> [Assignment] Copy nothing from the entries below except the lines from the one containing "#181=IFCINDEXEDPOLYGONALFACE((1,3,7,5));" through the one containing "#213=IFCPRODUCTDEFINITIONSHAPE($,$,(#212));", and copy those exactly.

> [Records shown]
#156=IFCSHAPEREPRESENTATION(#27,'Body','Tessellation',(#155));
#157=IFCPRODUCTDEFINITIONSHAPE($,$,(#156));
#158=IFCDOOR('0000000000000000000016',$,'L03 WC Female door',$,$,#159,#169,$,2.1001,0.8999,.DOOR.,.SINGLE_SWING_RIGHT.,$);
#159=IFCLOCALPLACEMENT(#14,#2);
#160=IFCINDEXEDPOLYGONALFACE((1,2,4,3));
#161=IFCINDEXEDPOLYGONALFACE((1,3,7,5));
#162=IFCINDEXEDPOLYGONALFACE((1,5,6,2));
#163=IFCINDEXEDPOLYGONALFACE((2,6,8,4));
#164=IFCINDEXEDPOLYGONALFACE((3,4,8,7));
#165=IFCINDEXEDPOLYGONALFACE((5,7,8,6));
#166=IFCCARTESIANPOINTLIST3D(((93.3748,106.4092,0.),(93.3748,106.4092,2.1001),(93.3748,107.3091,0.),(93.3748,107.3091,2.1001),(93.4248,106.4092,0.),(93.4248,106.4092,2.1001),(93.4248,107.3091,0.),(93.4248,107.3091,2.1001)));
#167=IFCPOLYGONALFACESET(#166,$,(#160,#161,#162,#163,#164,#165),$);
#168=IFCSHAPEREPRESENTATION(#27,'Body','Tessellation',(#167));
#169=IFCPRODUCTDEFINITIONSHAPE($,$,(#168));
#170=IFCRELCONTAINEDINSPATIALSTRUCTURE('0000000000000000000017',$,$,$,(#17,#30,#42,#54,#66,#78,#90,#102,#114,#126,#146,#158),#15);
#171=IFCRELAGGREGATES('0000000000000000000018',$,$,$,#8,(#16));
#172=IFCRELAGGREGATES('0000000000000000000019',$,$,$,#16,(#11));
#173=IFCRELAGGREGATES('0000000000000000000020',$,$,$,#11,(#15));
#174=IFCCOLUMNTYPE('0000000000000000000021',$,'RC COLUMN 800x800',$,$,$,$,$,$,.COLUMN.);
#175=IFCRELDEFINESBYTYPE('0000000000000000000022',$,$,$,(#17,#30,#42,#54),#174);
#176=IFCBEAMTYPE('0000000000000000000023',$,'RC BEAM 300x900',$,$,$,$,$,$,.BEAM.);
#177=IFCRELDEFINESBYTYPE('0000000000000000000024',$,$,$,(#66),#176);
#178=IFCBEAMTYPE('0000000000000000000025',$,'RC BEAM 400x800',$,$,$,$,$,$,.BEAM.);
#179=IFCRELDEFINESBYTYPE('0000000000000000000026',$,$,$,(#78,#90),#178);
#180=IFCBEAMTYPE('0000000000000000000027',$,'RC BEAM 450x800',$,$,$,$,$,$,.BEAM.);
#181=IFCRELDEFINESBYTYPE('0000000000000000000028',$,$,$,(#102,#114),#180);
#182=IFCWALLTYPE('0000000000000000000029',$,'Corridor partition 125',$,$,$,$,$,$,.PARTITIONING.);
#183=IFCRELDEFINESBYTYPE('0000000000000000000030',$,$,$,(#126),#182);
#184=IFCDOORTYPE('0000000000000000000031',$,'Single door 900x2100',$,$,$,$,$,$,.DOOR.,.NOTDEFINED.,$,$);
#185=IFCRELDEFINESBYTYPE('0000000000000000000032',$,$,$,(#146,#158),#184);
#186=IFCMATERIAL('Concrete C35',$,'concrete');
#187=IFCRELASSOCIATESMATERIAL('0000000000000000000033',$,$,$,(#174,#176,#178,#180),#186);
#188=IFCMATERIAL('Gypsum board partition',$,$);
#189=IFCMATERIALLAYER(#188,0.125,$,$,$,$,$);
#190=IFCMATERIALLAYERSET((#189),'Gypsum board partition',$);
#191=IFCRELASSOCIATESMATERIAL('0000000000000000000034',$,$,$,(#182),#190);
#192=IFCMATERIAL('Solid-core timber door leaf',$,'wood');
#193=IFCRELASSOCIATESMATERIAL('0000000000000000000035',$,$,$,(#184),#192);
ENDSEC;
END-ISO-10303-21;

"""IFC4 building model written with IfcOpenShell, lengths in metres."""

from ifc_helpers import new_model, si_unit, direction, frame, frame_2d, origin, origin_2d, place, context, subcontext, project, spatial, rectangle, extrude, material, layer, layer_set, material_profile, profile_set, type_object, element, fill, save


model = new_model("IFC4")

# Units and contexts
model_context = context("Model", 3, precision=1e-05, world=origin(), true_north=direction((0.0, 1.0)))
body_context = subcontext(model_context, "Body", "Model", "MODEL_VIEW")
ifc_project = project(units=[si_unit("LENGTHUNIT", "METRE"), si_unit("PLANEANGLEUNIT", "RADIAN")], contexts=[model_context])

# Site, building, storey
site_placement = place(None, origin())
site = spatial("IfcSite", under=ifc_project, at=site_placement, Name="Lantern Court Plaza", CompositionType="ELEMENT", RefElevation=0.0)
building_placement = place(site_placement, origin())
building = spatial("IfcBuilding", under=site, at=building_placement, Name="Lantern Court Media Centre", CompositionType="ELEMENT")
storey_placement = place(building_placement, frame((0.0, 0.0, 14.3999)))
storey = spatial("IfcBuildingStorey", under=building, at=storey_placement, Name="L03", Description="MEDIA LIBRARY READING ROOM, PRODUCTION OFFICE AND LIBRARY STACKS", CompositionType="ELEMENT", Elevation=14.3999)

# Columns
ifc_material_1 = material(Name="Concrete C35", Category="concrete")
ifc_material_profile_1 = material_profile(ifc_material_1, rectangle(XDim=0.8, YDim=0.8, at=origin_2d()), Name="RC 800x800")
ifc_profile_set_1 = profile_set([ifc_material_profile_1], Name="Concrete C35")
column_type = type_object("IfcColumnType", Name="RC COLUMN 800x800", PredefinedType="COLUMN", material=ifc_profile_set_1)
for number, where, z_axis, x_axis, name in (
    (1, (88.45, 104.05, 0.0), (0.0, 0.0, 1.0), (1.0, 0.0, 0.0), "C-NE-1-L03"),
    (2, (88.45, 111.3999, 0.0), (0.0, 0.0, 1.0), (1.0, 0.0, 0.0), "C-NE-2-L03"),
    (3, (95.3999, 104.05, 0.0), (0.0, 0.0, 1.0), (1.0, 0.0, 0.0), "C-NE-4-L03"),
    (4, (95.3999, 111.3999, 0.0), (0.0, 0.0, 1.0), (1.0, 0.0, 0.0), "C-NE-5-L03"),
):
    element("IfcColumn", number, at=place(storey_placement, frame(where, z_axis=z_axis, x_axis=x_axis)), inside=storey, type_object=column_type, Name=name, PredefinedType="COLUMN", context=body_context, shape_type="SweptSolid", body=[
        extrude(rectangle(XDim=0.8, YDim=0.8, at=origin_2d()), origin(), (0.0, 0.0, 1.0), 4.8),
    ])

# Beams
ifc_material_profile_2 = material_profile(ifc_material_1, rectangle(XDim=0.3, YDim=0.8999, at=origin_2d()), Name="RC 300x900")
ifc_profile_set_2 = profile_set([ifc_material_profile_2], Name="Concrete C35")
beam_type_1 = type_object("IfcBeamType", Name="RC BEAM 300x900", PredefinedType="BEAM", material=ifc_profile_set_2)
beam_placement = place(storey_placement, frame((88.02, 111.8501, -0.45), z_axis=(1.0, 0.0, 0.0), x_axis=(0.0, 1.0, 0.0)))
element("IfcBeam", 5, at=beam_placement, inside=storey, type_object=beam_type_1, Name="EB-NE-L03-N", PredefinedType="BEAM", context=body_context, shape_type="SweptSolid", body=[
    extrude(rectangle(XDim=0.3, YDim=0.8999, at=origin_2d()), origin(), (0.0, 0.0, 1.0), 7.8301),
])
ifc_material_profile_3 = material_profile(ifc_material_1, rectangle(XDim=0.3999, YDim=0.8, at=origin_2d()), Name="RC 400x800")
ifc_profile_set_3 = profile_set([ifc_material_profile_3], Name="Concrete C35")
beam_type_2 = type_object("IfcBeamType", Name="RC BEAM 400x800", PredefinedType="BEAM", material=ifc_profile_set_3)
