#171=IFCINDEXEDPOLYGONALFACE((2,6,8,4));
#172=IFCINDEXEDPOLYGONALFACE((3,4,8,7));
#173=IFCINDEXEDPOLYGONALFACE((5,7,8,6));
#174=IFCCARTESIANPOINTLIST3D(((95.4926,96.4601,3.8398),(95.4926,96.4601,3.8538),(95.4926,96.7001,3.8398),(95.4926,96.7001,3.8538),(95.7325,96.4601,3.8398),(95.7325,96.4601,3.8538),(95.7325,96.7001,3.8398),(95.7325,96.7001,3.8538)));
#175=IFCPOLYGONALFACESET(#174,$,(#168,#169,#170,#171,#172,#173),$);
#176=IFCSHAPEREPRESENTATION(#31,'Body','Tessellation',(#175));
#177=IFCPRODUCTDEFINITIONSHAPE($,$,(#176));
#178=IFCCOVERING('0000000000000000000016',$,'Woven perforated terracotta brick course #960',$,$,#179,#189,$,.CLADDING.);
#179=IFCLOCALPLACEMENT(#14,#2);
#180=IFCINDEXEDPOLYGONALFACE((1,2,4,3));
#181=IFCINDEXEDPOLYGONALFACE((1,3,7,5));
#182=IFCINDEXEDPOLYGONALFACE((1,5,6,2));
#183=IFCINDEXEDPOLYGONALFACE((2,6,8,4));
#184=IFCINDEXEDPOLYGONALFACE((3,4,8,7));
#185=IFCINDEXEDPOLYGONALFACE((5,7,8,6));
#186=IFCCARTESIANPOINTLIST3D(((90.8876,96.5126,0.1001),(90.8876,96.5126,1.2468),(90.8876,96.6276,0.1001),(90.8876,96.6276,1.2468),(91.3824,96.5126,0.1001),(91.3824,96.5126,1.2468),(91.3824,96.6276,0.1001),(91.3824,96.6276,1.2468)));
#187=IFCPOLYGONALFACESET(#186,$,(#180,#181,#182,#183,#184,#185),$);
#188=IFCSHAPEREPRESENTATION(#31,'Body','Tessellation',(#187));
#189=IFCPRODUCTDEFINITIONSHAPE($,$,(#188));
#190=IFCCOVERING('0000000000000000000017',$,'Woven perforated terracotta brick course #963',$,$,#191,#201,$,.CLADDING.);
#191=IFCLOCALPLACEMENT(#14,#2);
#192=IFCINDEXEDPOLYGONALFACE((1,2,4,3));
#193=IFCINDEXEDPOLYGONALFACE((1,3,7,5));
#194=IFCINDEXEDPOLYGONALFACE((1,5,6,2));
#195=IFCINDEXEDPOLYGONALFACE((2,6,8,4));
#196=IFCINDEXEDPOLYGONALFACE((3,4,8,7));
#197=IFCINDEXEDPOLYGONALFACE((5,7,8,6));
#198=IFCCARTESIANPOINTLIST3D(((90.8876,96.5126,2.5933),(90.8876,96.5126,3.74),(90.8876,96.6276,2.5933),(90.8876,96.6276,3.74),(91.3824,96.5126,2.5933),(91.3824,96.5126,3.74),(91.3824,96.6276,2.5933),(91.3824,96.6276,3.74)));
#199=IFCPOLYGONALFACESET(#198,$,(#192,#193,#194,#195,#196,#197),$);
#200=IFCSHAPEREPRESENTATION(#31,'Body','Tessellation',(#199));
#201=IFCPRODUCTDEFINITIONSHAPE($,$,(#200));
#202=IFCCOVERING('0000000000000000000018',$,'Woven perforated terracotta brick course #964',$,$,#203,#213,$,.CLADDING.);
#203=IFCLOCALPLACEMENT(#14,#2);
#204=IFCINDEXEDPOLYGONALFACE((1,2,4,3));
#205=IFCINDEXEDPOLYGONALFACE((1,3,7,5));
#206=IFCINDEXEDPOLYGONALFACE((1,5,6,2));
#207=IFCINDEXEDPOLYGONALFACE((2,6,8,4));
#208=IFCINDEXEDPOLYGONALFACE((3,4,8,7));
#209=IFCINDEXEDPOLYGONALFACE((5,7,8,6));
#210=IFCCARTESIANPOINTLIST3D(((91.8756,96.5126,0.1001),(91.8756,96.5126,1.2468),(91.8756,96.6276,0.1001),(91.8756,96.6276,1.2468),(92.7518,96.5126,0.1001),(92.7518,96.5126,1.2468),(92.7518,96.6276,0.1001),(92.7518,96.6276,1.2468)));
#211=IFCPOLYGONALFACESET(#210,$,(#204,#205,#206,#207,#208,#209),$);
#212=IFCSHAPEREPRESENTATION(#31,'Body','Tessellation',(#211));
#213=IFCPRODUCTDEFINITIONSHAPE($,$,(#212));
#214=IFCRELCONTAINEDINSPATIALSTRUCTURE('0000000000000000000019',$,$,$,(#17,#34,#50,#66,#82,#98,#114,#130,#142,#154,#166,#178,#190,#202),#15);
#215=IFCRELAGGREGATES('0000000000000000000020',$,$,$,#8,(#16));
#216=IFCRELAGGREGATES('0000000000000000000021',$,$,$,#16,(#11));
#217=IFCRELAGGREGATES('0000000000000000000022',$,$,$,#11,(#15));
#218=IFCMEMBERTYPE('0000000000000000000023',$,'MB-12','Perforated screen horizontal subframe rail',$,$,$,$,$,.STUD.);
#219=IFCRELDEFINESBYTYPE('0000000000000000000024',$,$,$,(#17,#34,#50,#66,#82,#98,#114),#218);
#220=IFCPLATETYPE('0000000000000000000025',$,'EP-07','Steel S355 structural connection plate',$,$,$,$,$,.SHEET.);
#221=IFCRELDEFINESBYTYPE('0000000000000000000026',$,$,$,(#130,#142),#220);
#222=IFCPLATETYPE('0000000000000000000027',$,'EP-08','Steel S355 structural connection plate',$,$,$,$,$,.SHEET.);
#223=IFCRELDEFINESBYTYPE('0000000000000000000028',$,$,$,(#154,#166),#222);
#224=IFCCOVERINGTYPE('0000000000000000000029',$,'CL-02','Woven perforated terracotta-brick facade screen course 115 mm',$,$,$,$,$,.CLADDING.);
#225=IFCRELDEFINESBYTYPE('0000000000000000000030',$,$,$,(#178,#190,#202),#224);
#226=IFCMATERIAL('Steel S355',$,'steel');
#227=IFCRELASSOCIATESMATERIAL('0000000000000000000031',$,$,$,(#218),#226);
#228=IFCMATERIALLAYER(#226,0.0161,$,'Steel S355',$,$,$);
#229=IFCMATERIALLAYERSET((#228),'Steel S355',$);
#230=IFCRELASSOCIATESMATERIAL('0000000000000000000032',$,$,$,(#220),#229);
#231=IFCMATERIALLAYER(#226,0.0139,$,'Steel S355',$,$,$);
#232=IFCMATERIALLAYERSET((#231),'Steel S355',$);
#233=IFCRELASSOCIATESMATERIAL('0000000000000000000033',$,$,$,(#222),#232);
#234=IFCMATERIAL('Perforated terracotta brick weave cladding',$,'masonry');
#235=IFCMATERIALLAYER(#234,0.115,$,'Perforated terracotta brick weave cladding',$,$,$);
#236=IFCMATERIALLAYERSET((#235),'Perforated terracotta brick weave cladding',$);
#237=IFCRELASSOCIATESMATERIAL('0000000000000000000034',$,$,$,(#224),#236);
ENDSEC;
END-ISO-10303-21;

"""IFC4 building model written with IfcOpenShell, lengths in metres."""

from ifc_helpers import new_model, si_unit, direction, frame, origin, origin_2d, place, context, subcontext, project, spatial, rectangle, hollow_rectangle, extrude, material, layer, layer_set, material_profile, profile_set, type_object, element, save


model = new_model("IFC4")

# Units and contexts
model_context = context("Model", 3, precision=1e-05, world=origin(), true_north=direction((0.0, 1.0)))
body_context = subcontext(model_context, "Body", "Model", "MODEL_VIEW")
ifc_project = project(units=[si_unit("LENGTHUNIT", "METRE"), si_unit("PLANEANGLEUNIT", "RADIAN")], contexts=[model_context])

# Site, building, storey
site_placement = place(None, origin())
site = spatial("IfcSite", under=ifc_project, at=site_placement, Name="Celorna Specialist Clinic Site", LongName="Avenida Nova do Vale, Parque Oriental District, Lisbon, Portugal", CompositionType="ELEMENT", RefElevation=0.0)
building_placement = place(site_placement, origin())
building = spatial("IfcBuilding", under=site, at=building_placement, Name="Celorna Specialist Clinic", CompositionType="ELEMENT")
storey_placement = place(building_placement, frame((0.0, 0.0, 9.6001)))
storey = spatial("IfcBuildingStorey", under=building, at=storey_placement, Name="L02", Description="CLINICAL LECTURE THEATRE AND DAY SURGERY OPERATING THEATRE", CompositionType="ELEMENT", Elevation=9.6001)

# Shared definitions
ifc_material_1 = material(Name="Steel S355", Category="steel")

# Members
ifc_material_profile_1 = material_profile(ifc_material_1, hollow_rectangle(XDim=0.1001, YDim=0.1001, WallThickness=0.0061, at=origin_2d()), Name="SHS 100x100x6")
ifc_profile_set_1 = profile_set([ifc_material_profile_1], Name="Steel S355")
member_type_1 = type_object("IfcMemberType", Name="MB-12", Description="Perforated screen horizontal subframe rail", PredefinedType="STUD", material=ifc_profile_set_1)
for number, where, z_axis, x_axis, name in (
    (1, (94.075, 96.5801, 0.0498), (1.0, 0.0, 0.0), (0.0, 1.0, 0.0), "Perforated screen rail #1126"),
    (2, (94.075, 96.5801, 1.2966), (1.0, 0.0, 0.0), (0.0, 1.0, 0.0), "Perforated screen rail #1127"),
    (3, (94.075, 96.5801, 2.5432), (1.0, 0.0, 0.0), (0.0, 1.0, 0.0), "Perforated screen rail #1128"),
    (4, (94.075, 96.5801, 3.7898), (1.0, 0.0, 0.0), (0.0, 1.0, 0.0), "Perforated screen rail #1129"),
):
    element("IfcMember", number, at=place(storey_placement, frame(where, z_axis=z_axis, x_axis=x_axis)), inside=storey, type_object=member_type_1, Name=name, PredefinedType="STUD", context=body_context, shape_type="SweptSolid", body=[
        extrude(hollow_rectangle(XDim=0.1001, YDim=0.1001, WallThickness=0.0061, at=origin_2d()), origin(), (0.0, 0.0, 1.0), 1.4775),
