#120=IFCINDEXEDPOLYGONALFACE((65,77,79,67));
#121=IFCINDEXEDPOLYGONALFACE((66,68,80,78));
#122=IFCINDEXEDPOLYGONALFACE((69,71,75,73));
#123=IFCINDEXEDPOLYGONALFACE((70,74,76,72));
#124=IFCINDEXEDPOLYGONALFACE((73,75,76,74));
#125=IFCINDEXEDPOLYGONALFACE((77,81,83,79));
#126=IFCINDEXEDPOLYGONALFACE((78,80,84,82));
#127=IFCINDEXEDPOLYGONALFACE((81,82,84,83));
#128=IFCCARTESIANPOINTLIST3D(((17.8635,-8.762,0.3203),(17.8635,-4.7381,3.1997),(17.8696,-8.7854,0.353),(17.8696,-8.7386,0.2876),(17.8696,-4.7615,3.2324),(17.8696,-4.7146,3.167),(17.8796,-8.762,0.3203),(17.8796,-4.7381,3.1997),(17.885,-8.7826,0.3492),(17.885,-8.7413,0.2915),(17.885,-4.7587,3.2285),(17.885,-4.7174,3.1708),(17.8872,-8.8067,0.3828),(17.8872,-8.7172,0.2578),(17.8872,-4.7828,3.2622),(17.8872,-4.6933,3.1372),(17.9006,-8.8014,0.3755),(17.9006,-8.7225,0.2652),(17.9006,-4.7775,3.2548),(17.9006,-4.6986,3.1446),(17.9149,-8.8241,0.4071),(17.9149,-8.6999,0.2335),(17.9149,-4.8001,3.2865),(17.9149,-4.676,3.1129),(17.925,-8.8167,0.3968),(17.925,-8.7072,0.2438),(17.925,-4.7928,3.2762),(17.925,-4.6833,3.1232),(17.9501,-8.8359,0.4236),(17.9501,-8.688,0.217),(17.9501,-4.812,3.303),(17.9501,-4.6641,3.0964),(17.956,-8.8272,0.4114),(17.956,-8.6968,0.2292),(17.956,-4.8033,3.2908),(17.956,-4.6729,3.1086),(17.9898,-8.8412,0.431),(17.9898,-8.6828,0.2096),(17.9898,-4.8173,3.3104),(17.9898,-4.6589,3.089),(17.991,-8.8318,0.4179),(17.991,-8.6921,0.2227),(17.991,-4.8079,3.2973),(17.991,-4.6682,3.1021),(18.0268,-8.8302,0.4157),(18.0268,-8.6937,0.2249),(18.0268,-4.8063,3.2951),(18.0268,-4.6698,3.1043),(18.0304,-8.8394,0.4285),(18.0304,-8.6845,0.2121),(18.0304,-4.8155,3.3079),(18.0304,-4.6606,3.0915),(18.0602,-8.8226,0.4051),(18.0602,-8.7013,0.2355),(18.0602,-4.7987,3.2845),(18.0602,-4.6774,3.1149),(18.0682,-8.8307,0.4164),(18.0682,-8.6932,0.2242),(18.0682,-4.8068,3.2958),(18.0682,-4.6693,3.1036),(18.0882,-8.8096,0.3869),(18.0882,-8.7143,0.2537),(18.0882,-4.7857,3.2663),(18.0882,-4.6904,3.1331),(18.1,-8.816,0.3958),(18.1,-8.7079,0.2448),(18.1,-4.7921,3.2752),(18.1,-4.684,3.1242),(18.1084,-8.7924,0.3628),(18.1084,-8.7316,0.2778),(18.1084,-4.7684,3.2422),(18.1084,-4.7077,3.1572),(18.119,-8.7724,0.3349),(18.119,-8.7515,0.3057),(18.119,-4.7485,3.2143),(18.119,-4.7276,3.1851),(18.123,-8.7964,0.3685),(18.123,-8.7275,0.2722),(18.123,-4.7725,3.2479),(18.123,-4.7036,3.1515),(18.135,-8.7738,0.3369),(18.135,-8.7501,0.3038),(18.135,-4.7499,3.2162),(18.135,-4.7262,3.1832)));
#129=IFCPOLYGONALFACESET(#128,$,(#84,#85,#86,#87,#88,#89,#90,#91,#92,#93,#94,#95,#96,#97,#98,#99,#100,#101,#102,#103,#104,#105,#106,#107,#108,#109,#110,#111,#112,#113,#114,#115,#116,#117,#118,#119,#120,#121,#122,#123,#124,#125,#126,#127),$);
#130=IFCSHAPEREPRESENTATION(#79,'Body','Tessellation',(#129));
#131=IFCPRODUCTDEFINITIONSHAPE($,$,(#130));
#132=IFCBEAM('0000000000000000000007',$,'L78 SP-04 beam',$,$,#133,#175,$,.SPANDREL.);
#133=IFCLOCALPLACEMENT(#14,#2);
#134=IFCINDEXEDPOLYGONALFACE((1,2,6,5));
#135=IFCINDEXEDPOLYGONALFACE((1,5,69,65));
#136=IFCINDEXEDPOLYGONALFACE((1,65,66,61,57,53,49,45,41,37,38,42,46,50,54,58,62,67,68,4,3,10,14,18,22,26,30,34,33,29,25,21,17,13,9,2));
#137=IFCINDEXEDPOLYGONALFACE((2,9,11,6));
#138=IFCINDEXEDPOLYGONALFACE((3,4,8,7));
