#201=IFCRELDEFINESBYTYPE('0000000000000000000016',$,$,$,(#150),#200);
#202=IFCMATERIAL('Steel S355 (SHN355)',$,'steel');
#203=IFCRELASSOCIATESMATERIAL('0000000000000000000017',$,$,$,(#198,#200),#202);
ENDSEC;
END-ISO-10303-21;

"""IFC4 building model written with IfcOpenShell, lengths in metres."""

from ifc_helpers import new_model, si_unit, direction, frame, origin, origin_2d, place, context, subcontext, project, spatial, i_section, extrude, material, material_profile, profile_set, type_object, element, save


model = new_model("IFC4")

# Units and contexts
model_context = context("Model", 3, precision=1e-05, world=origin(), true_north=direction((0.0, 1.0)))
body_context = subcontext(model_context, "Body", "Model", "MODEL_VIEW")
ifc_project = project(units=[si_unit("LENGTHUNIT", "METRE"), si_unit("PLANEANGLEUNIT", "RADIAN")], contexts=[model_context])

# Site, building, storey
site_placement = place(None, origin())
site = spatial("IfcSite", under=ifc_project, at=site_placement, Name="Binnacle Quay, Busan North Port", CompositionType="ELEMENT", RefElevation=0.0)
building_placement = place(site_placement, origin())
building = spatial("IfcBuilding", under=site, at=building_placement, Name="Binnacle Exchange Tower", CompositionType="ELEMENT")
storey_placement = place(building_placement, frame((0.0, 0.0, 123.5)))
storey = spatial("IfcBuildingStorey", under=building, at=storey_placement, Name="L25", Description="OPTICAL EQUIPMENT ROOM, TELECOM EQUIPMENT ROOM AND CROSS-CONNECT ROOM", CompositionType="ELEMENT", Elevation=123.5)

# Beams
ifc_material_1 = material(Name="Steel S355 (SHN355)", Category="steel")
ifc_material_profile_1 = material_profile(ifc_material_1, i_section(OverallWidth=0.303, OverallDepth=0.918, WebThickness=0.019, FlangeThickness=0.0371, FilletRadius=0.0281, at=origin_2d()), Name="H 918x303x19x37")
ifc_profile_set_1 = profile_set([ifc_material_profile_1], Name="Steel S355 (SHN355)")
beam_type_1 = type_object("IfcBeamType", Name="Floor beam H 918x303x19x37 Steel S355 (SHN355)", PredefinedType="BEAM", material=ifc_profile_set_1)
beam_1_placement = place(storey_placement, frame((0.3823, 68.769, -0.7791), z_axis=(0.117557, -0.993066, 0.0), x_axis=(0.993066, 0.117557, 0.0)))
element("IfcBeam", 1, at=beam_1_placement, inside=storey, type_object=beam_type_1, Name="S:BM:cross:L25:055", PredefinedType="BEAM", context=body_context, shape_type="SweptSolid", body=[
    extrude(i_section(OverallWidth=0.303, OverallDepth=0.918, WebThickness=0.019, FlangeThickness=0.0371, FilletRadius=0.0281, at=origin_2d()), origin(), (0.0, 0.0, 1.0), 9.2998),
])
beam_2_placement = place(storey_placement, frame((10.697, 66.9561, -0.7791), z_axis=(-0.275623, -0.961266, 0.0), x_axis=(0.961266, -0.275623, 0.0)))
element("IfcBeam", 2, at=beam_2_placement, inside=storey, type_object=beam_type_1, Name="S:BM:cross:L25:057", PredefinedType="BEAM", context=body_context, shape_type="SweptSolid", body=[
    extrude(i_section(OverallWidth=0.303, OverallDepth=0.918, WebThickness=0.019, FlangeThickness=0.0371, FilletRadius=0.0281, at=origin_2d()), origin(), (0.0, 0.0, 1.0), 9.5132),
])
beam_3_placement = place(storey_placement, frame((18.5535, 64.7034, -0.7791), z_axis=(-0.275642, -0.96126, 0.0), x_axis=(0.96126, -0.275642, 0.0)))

> [Final answer]
#181=IFCINDEXEDPOLYGONALFACE((1,3,7,5));
#182=IFCINDEXEDPOLYGONALFACE((1,5,6,2));
#183=IFCINDEXEDPOLYGONALFACE((2,6,8,4));
#184=IFCINDEXEDPOLYGONALFACE((3,4,8,7));
#185=IFCINDEXEDPOLYGONALFACE((5,7,8,6));
#186=IFCCARTESIANPOINTLIST3D(((90.8876,96.5126,0.1001),(90.8876,96.5126,1.2468),(90.8876,96.6276,0.1001),(90.8876,96.6276,1.2468),(91.3824,96.5126,0.1001),(91.3824,96.5126,1.2468),(91.3824,96.6276,0.1001),(91.3824,96.6276,1.2468)));
#187=IFCPOLYGONALFACESET(#186,$,(#180,#181,#182,#183,#184,#185),$);
#188=IFCSHAPEREPRESENTATION(#31,'Body','Tessellation',(#187));
#189=IFCPRODUCTDEFINITIONSHAPE($,$,(#188));
#190=IFCCOVERING('0000000000000000000017',$,'Woven perforated terracotta brick course #963',$,$,#191,#201,$,.CLADDING.);
#191=IFCLOCALPLACEMENT(#14,#2);
#192=IFCINDEXEDPOLYGONALFACE((1,2,4,3));
#193=IFCINDEXEDPOLYGONALFACE((1,3,7,5));
#194=IFCINDEXEDPOLYGONALFACE((1,5,6,2));
#195=IFCINDEXEDPOLYGONALFACE((2,6,8,4));
#196=IFCINDEXEDPOLYGONALFACE((3,4,8,7));
#197=IFCINDEXEDPOLYGONALFACE((5,7,8,6));
#198=IFCCARTESIANPOINTLIST3D(((90.8876,96.5126,2.5933),(90.8876,96.5126,3.74),(90.8876,96.6276,2.5933),(90.8876,96.6276,3.74),(91.3824,96.5126,2.5933),(91.3824,96.5126,3.74),(91.3824,96.6276,2.5933),(91.3824,96.6276,3.74)));
#199=IFCPOLYGONALFACESET(#198,$,(#192,#193,#194,#195,#196,#197),$);
#200=IFCSHAPEREPRESENTATION(#31,'Body','Tessellation',(#199));
#201=IFCPRODUCTDEFINITIONSHAPE($,$,(#200));
#202=IFCCOVERING('0000000000000000000018',$,'Woven perforated terracotta brick course #964',$,$,#203,#213,$,.CLADDING.);
#203=IFCLOCALPLACEMENT(#14,#2);
#204=IFCINDEXEDPOLYGONALFACE((1,2,4,3));
#205=IFCINDEXEDPOLYGONALFACE((1,3,7,5));
#206=IFCINDEXEDPOLYGONALFACE((1,5,6,2));
#207=IFCINDEXEDPOLYGONALFACE((2,6,8,4));
#208=IFCINDEXEDPOLYGONALFACE((3,4,8,7));
#209=IFCINDEXEDPOLYGONALFACE((5,7,8,6));
#210=IFCCARTESIANPOINTLIST3D(((91.8756,96.5126,0.1001),(91.8756,96.5126,1.2468),(91.8756,96.6276,0.1001),(91.8756,96.6276,1.2468),(92.7518,96.5126,0.1001),(92.7518,96.5126,1.2468),(92.7518,96.6276,0.1001),(92.7518,96.6276,1.2468)));
#211=IFCPOLYGONALFACESET(#210,$,(#204,#205,#206,#207,#208,#209),$);
#212=IFCSHAPEREPRESENTATION(#31,'Body','Tessellation',(#211));
#213=IFCPRODUCTDEFINITIONSHAPE($,$,(#212));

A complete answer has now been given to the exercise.